▶ **Task inputs**

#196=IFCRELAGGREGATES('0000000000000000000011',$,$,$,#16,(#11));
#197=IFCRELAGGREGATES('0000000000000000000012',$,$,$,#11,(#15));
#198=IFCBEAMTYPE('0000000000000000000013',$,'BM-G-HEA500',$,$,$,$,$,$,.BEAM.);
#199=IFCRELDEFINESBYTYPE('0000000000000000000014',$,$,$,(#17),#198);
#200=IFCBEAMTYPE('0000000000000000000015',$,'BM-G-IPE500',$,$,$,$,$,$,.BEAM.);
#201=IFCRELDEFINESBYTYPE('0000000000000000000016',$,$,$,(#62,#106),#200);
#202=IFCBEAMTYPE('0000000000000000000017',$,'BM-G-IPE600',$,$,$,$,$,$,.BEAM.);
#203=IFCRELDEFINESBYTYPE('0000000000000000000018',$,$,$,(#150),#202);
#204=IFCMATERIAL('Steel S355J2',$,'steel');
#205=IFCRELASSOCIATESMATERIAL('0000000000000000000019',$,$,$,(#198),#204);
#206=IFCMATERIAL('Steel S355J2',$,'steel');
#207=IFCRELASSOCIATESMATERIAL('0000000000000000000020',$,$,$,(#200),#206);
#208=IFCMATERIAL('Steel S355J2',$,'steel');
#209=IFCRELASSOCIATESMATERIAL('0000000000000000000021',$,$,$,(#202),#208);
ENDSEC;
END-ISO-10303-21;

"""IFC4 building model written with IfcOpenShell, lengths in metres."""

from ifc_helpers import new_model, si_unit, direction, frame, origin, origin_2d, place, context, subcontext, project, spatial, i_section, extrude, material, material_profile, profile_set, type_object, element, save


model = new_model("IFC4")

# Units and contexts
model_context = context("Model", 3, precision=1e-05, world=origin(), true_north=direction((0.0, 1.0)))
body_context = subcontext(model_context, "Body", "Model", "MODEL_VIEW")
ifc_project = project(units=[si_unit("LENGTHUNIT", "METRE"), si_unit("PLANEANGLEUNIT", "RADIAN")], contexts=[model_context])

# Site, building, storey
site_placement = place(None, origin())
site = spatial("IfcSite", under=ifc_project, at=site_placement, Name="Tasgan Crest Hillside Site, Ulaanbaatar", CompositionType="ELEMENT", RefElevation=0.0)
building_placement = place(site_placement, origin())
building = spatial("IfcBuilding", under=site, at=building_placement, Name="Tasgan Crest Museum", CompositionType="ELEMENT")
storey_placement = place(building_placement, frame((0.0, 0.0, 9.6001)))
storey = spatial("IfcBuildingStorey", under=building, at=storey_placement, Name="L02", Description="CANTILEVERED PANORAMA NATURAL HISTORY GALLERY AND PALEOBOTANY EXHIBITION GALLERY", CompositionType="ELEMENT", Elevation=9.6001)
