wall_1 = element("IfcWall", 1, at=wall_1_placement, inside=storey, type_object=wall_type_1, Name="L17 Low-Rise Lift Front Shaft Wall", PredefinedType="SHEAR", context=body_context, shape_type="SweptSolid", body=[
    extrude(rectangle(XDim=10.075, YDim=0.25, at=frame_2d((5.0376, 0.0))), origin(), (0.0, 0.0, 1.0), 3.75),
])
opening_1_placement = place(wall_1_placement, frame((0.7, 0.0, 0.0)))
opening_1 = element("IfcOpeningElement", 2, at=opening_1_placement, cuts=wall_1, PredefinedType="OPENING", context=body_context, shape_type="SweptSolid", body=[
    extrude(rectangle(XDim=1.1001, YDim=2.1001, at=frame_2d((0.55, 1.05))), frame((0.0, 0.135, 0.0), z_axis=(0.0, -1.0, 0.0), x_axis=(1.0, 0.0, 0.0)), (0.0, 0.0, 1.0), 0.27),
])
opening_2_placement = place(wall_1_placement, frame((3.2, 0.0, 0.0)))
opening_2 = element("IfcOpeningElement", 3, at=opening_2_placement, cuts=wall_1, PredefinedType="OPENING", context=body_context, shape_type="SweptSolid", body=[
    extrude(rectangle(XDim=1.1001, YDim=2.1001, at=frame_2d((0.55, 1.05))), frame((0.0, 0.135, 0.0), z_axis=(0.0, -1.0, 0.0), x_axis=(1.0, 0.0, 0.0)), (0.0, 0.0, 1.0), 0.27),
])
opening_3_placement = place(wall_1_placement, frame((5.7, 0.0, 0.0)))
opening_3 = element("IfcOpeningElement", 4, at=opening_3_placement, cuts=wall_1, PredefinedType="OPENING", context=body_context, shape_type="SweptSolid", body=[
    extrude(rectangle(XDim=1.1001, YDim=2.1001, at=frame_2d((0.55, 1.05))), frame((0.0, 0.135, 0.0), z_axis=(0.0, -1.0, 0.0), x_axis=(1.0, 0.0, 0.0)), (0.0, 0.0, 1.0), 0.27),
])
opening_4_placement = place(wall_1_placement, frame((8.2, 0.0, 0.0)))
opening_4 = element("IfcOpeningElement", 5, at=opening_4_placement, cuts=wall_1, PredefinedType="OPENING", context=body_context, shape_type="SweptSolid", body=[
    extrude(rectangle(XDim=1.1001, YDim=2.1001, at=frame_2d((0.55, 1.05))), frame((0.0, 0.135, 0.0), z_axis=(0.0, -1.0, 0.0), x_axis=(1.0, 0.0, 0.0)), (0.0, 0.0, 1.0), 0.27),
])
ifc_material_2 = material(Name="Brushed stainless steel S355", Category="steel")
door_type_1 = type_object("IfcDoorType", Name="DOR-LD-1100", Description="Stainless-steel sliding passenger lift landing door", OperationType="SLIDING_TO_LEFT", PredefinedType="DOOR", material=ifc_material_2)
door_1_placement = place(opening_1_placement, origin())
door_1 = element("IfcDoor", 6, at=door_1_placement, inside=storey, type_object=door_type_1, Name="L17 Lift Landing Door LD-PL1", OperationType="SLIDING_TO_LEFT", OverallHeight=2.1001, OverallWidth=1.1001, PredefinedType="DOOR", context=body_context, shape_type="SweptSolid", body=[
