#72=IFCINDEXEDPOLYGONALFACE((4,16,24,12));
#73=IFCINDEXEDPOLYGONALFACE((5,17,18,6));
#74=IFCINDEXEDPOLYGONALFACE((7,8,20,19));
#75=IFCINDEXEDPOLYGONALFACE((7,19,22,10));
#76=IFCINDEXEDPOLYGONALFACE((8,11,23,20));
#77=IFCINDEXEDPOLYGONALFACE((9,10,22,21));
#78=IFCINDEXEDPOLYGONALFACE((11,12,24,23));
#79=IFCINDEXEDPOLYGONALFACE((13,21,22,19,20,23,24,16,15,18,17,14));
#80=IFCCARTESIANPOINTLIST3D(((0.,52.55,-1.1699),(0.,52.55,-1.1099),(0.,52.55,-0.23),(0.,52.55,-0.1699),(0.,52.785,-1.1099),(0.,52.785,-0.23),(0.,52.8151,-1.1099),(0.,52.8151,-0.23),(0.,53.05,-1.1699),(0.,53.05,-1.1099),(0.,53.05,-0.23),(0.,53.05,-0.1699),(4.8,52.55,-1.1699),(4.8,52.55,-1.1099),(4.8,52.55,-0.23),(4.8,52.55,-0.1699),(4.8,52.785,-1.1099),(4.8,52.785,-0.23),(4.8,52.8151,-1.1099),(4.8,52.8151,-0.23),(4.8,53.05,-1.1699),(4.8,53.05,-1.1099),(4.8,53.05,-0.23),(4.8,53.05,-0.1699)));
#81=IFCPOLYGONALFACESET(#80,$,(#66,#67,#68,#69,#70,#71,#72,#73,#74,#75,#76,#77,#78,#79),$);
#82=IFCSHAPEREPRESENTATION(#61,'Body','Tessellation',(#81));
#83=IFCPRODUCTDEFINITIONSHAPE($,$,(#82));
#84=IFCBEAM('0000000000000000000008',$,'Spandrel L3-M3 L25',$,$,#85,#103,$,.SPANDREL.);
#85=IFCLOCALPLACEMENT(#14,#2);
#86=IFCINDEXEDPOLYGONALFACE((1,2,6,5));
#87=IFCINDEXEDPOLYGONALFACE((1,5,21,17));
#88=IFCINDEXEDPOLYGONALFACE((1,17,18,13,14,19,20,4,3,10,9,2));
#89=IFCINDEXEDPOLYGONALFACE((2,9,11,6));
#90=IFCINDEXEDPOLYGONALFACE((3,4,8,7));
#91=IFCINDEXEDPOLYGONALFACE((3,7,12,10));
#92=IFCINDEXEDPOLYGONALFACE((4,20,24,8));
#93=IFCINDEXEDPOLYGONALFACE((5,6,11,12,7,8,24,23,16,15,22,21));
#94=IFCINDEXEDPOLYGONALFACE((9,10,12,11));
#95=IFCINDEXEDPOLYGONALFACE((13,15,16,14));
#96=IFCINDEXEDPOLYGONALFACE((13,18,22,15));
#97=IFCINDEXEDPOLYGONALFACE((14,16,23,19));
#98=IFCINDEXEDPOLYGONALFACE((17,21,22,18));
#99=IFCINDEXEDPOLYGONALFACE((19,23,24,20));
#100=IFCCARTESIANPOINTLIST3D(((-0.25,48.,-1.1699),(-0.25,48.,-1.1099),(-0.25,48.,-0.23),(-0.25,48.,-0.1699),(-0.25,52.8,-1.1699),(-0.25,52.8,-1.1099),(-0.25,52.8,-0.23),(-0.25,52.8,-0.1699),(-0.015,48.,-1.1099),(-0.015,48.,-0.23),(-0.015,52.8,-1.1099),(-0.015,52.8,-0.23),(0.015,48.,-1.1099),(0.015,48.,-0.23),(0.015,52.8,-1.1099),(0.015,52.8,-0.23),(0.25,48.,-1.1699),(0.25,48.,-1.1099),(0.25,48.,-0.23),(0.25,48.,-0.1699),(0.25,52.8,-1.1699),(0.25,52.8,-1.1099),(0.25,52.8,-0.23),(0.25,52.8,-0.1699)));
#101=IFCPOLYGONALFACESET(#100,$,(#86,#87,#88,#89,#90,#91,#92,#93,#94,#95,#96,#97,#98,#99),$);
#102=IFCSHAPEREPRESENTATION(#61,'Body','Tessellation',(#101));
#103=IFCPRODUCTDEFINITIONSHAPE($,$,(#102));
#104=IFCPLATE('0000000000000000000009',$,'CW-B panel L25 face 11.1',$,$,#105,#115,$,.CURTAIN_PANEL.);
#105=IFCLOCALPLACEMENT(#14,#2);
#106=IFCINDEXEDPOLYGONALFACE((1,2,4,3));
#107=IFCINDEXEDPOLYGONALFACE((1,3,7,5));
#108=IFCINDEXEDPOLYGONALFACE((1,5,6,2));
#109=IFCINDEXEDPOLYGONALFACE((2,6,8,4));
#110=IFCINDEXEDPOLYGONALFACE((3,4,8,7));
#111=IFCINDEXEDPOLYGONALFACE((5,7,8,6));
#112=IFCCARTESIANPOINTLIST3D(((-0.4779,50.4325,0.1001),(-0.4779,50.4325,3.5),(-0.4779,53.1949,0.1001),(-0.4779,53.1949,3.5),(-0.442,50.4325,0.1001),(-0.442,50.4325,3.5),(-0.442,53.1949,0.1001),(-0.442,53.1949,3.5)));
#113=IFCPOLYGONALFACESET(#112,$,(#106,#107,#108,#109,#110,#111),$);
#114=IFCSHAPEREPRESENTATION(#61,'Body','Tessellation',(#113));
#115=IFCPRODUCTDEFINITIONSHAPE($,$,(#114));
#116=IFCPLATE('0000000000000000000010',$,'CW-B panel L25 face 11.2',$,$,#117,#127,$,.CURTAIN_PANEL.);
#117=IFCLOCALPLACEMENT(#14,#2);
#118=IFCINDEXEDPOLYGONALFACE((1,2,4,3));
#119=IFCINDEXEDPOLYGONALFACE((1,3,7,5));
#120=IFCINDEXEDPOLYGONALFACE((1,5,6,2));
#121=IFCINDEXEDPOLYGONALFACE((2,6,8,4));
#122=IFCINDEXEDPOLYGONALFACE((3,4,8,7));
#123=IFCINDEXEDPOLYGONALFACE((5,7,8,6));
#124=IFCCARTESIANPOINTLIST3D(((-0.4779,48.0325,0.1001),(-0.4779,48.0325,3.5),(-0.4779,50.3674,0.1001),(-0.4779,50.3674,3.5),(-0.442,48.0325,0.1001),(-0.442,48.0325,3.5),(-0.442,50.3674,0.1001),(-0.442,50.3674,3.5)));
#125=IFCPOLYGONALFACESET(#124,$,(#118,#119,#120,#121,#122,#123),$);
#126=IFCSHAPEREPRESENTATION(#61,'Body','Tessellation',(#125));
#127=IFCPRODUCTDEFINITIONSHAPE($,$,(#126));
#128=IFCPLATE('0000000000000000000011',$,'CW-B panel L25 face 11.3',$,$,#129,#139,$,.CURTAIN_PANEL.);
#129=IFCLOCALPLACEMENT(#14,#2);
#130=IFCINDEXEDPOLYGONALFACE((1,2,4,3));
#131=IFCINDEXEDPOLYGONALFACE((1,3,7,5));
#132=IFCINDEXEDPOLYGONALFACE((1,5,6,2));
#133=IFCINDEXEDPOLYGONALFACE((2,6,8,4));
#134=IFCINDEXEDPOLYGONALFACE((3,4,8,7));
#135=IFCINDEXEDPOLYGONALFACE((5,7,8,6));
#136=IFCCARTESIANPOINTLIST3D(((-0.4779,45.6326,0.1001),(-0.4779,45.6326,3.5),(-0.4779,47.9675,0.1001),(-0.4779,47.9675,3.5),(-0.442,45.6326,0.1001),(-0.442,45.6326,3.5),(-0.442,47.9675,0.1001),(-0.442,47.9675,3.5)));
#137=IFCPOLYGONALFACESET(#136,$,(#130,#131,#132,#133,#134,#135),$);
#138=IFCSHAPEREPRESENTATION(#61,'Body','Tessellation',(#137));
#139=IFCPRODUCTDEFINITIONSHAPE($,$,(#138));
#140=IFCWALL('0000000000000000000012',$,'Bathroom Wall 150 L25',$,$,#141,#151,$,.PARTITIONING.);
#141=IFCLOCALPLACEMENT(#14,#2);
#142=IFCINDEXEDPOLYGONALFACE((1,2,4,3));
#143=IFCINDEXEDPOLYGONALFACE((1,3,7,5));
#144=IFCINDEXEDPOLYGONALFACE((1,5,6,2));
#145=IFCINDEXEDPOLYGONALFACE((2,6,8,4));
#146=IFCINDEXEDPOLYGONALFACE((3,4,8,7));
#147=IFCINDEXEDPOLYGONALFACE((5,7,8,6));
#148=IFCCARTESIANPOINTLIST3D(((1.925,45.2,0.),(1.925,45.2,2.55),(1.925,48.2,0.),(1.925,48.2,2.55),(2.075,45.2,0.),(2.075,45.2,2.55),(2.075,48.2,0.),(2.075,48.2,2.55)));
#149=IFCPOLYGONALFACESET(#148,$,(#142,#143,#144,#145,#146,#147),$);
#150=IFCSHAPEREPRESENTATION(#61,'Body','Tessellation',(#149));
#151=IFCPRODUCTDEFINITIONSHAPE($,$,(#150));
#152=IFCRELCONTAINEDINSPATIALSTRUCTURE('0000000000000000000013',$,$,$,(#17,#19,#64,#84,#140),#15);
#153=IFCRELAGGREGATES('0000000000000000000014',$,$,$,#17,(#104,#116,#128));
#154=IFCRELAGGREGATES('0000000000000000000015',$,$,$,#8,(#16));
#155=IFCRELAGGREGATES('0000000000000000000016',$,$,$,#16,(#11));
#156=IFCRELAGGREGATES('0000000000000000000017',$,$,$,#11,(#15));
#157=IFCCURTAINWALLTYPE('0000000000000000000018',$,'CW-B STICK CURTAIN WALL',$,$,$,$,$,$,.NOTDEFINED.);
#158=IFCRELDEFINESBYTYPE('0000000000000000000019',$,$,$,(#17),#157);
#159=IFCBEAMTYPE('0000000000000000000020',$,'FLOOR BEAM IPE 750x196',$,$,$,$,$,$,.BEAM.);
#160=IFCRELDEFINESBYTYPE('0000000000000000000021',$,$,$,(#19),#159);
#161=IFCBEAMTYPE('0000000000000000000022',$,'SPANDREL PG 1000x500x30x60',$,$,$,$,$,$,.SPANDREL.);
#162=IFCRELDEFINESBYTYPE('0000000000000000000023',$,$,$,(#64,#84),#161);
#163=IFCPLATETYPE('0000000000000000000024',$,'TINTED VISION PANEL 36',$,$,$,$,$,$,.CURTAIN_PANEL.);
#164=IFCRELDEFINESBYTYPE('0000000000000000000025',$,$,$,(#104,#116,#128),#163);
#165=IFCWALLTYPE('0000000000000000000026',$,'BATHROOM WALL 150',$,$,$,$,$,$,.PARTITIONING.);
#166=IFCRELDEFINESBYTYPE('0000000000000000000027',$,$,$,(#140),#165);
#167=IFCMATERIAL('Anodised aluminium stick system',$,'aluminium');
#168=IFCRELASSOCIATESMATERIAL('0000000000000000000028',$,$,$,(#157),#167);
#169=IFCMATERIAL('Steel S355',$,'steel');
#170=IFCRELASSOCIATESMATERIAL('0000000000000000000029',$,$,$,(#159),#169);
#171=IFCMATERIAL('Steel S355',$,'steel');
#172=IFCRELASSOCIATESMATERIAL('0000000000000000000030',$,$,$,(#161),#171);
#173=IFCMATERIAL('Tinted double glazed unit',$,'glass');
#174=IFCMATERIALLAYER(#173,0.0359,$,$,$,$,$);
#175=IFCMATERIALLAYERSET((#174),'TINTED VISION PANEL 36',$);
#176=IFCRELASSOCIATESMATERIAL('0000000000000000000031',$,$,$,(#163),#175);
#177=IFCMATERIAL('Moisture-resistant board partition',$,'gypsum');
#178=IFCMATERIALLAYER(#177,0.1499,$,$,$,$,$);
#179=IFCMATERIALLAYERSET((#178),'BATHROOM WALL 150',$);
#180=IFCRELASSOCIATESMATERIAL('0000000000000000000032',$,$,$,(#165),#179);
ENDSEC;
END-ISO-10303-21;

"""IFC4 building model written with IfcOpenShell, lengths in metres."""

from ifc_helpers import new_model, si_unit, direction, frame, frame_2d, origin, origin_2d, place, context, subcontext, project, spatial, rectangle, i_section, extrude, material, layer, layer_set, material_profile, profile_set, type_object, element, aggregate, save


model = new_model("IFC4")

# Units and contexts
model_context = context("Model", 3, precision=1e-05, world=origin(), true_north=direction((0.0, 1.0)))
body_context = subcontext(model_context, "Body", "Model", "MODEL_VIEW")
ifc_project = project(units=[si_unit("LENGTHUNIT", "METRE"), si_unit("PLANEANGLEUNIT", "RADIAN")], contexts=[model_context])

▶ **Problem details**
All lines in the records above that contain "SPANDREL" are to be reported.

▶ **Your response**
#84=IFCBEAM('0000000000000000000008',$,'Spandrel L3-M3 L25',$,$,#85,#103,$,.SPANDREL.);
#161=IFCBEAMTYPE('0000000000000000000022',$,'SPANDREL PG 1000x500x30x60',$,$,$,$,$,$,.SPANDREL.);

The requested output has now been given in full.